■ **Assignment**
Every line containing the string "Clear" should be returned from the records.

====== Information ======

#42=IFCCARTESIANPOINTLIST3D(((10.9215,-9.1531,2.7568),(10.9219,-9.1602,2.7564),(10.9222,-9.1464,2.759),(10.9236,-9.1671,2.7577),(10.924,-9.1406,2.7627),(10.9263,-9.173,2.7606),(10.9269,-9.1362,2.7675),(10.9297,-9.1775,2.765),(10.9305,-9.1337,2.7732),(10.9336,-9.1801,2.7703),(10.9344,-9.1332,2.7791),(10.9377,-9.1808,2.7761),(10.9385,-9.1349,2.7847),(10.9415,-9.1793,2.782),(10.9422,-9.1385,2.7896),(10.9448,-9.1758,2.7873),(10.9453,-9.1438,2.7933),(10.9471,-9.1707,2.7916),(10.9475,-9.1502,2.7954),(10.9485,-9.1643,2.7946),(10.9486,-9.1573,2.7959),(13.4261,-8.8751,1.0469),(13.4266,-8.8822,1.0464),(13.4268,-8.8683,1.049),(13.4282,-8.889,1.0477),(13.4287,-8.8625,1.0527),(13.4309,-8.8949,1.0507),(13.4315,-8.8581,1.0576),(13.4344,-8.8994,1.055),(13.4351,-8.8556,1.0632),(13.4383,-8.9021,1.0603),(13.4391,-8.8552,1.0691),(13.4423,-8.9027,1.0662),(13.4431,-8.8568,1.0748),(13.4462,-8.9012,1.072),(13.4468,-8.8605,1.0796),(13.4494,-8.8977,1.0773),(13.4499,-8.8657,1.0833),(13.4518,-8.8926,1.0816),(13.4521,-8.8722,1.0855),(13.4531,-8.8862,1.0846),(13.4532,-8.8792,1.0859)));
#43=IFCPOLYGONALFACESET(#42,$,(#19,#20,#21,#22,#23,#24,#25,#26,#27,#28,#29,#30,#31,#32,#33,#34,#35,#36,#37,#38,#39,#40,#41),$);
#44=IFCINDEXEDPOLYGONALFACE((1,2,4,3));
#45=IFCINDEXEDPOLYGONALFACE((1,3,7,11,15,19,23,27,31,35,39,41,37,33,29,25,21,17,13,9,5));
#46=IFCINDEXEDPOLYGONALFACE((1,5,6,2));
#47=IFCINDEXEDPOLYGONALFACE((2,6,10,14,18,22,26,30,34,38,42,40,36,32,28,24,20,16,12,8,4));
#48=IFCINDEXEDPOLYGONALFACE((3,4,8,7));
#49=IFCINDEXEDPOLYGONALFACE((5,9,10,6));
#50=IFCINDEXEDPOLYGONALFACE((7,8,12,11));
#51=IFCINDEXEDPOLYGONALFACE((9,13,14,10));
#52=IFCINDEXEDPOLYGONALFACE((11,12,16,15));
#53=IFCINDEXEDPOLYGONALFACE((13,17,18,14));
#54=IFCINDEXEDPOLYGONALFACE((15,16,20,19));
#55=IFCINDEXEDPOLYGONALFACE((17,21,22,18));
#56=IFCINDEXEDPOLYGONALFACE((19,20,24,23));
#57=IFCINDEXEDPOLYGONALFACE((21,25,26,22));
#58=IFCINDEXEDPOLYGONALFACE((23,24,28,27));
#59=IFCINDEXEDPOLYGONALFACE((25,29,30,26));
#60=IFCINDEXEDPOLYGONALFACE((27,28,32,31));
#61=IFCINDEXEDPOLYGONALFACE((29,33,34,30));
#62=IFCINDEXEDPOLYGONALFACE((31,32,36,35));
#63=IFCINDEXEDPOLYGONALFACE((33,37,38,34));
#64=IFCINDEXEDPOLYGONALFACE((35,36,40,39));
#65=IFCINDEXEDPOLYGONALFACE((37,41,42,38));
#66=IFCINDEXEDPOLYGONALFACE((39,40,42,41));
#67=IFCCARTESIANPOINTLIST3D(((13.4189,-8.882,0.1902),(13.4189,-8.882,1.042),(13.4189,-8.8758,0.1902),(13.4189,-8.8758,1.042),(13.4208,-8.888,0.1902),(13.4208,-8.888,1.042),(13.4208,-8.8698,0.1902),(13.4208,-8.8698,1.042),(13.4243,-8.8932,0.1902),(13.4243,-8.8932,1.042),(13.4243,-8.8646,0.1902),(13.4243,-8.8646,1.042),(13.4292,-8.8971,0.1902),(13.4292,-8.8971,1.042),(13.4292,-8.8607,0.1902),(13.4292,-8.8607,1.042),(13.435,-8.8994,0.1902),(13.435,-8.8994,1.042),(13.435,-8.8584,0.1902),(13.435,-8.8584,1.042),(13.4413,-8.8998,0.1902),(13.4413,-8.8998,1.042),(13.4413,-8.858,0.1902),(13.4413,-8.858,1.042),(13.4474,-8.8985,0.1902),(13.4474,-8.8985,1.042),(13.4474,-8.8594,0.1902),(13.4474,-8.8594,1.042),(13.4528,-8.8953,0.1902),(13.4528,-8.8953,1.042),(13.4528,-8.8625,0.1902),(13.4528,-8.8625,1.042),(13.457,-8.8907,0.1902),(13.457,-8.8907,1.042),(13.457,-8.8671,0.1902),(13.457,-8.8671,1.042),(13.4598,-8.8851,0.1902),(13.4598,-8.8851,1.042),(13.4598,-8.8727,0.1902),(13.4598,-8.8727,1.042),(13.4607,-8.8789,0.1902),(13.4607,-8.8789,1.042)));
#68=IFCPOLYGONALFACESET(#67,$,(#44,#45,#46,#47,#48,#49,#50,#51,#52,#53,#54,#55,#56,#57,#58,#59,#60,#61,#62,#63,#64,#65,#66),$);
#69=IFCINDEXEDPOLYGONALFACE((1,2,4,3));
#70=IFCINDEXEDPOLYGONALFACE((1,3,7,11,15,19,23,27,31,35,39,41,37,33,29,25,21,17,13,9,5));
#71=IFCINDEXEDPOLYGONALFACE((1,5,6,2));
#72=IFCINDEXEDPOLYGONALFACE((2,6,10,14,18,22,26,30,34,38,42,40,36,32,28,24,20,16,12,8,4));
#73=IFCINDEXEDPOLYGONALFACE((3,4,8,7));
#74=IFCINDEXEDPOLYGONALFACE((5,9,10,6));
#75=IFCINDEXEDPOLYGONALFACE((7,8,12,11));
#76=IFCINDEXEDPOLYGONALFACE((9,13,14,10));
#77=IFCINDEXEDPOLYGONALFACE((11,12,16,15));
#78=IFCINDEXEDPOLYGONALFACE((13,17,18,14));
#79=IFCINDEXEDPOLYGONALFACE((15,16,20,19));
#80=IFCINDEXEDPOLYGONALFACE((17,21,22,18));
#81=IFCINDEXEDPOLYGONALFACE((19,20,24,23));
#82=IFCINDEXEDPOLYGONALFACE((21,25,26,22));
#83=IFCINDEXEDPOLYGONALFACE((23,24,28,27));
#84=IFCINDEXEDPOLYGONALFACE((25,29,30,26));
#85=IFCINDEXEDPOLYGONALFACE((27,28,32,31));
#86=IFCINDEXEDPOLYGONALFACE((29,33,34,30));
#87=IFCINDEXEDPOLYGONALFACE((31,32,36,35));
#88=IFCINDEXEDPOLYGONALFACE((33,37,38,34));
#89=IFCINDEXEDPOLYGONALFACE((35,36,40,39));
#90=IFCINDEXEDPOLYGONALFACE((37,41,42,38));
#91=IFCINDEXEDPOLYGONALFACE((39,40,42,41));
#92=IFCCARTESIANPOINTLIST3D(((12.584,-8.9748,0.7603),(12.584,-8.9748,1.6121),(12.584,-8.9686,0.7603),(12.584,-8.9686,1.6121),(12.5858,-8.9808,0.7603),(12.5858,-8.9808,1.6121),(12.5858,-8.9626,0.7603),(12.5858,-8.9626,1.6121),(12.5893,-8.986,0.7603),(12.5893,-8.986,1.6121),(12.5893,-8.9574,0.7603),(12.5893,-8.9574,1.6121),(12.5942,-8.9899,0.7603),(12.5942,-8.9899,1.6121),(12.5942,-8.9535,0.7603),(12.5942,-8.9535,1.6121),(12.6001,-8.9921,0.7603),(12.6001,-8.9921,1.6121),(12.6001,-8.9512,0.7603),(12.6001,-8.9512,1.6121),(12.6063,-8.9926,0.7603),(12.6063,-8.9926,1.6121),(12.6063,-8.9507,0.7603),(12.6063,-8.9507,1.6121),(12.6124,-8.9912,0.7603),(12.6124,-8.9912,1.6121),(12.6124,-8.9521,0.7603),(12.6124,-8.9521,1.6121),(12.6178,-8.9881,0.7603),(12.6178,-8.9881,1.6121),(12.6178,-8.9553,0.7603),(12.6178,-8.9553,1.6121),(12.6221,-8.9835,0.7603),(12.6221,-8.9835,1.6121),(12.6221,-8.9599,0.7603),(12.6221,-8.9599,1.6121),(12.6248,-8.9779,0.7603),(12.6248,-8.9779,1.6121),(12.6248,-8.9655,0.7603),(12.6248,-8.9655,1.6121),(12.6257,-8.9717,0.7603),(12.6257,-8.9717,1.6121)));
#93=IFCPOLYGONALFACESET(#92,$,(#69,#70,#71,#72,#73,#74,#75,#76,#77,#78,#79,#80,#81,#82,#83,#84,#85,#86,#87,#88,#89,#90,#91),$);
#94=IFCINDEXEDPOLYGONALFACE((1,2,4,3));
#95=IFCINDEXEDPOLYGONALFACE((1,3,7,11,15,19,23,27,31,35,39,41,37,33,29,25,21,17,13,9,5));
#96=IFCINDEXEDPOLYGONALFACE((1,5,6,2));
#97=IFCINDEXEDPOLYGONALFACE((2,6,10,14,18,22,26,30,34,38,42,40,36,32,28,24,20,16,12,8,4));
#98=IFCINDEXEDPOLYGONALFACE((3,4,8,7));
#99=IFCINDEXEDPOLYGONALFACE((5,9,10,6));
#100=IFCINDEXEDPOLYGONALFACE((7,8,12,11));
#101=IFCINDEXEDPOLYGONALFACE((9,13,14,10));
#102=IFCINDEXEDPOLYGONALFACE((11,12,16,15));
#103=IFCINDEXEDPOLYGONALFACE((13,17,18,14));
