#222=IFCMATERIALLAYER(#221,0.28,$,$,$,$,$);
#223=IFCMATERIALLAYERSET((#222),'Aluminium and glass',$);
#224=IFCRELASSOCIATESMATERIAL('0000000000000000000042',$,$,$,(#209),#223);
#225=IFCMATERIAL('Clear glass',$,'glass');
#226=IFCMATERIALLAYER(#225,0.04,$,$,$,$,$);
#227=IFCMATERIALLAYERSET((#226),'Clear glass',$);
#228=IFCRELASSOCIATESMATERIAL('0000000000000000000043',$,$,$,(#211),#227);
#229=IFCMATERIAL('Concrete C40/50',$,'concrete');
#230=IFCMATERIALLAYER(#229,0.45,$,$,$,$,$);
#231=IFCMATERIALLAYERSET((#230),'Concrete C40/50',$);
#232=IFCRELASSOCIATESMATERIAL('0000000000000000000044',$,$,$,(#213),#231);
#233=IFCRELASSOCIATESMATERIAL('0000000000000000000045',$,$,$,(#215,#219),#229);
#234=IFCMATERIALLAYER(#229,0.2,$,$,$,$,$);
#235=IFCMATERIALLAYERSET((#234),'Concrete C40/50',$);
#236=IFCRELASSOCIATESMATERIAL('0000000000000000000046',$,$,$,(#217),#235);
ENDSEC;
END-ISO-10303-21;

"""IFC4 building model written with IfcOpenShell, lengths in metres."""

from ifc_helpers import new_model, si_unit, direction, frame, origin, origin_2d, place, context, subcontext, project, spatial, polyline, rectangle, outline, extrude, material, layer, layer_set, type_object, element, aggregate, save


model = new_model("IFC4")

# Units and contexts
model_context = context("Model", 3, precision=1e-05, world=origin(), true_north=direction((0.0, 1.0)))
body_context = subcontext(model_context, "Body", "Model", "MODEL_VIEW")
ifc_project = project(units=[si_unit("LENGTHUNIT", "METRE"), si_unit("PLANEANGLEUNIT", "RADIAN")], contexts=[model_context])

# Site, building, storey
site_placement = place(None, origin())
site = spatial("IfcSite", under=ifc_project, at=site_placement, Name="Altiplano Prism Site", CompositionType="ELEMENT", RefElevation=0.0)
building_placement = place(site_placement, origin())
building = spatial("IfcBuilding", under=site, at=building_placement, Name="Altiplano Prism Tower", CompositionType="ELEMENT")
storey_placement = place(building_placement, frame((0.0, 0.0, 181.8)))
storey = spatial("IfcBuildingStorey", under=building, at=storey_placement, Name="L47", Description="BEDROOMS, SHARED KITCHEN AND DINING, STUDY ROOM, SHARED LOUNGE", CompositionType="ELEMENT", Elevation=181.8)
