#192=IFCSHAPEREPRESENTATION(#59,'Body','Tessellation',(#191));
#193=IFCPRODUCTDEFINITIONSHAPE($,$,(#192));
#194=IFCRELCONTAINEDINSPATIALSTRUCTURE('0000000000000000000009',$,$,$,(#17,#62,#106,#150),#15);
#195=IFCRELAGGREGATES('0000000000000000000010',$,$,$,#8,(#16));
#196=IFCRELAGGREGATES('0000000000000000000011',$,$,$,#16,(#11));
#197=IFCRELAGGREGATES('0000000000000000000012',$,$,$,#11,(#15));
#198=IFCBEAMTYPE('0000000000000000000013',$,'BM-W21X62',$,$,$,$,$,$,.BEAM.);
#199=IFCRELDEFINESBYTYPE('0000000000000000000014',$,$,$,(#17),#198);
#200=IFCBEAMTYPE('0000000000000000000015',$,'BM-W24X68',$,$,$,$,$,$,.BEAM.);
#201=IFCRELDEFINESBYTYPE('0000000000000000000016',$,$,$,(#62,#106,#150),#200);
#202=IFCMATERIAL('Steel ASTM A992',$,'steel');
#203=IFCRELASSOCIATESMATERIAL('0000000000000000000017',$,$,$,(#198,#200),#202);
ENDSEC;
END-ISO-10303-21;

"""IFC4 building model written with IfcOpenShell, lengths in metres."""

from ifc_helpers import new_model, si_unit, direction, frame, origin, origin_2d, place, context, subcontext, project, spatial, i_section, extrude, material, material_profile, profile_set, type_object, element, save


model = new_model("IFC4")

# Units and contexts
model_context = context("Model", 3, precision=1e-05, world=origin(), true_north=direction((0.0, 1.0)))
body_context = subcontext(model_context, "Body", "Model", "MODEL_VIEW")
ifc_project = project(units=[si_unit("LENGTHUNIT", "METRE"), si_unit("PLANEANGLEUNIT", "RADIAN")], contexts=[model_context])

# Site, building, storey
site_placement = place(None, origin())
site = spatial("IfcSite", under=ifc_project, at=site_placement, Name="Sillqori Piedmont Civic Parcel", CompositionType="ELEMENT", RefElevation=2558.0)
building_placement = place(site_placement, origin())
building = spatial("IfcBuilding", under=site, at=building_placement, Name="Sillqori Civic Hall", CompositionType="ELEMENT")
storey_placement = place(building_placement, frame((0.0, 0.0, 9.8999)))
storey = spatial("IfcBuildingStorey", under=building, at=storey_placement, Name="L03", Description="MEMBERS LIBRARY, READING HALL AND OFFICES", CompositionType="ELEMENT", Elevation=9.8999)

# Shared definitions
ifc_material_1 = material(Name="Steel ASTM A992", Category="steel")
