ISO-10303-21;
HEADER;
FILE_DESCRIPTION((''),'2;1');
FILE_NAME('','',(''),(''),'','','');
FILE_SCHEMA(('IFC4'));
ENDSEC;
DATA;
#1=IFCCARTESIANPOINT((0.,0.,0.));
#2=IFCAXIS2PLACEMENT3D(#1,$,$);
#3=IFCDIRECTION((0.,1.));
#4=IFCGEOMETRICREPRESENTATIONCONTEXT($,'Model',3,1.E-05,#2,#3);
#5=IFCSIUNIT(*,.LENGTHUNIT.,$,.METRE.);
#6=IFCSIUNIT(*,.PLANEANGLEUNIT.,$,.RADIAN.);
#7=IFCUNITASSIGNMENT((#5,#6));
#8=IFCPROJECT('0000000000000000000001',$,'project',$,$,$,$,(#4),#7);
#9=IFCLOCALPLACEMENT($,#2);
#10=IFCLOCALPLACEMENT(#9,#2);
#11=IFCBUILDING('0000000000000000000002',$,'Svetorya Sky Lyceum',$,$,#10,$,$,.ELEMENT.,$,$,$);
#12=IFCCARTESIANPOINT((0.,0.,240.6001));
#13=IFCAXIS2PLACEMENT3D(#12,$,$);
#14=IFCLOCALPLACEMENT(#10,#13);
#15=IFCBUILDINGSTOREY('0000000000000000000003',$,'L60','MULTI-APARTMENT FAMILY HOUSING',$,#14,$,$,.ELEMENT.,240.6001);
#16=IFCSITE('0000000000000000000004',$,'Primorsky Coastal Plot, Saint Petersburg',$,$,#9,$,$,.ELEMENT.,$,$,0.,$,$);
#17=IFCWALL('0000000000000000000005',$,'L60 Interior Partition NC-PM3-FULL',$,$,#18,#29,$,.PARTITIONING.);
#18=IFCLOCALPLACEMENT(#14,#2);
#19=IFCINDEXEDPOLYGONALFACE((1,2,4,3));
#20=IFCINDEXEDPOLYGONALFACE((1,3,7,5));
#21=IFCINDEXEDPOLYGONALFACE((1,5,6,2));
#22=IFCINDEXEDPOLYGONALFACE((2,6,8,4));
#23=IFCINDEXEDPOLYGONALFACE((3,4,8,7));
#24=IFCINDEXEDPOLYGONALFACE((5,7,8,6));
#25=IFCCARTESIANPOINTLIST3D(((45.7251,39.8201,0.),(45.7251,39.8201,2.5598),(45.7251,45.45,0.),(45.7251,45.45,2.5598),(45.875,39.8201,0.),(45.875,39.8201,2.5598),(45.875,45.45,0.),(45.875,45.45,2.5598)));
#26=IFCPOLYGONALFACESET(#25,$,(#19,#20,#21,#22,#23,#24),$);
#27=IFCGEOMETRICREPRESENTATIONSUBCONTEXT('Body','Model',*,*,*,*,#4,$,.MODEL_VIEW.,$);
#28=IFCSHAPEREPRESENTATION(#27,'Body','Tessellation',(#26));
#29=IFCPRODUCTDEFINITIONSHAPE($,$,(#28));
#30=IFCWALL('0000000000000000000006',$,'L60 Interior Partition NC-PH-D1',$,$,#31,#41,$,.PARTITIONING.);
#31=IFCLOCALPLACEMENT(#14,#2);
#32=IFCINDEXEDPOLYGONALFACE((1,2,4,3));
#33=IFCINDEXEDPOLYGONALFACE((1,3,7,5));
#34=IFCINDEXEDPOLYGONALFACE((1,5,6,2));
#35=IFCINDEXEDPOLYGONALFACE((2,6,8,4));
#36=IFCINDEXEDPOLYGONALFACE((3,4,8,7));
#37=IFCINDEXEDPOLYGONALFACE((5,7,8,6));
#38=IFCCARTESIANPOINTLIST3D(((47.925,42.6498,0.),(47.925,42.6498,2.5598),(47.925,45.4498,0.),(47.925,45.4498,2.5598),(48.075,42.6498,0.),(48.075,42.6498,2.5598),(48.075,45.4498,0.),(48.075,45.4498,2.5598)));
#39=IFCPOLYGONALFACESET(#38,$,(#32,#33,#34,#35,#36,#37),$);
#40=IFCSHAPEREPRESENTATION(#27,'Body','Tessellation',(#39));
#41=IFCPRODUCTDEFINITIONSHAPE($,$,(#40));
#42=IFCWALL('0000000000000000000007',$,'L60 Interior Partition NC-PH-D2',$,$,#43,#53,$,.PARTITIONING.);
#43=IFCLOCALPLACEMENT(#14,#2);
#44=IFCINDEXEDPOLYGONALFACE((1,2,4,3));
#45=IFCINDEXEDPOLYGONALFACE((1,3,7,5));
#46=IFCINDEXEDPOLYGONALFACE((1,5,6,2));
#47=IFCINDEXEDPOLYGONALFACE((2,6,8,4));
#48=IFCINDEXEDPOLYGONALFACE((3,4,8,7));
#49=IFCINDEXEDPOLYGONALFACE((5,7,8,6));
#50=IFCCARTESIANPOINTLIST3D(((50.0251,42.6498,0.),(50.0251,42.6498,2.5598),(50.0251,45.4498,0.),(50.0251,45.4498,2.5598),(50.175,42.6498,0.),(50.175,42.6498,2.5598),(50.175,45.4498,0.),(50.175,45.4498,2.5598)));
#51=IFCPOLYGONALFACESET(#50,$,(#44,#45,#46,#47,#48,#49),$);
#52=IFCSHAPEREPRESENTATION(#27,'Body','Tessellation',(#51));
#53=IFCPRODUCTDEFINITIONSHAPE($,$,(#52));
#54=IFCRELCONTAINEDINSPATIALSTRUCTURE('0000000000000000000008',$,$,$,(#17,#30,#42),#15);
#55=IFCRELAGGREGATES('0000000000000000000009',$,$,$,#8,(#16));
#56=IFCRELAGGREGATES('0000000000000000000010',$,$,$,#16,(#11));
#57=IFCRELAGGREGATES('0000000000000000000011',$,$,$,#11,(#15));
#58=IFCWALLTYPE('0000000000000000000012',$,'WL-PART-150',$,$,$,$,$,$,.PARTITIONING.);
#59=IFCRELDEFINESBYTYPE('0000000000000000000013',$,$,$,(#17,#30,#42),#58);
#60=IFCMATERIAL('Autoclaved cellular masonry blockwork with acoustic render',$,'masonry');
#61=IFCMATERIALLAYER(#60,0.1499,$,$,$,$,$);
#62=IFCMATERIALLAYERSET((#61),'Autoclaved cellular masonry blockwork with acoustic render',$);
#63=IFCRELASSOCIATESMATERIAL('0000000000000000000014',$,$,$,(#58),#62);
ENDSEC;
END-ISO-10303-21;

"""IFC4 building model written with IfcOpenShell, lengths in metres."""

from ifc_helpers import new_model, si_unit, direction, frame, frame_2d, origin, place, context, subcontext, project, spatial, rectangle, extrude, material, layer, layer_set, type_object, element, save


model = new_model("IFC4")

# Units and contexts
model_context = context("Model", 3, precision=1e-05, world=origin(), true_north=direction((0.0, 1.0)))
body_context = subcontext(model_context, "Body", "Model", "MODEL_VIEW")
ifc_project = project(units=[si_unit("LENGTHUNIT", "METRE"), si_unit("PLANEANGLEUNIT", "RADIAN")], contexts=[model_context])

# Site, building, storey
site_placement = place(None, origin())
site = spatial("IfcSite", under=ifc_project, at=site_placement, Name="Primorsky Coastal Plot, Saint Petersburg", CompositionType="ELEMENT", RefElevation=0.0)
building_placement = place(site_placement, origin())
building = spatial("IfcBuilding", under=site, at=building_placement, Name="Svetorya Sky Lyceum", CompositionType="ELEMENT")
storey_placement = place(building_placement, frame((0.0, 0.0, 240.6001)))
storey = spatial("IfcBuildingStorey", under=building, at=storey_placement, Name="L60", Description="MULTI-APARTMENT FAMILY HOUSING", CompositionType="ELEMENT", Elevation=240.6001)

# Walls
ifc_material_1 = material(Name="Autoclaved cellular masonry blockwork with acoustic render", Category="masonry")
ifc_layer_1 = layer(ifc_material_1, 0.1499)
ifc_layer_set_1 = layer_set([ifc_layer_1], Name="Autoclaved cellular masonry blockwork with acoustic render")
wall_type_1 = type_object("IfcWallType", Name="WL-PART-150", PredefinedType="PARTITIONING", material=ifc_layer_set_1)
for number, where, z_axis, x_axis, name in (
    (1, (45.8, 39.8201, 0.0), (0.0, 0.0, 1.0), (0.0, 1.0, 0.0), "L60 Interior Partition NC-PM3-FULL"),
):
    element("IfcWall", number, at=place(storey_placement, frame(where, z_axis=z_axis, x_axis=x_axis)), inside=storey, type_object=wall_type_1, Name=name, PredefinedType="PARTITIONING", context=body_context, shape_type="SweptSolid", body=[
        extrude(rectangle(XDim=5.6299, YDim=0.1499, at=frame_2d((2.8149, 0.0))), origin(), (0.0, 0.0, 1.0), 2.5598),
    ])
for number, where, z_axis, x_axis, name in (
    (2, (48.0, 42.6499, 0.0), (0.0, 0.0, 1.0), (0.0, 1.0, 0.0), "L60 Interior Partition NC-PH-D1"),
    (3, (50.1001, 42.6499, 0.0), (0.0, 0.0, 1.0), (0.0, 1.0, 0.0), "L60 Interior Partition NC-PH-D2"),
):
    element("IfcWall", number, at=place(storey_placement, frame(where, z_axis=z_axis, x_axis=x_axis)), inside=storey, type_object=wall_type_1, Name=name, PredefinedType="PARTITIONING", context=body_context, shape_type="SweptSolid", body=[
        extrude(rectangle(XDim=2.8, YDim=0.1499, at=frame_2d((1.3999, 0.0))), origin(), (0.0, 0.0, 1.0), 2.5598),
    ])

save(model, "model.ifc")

======

■ **Response area**
#225=IFCMATERIAL('Clear glass',$,'glass');
#227=IFCMATERIALLAYERSET((#226),'Clear glass',$);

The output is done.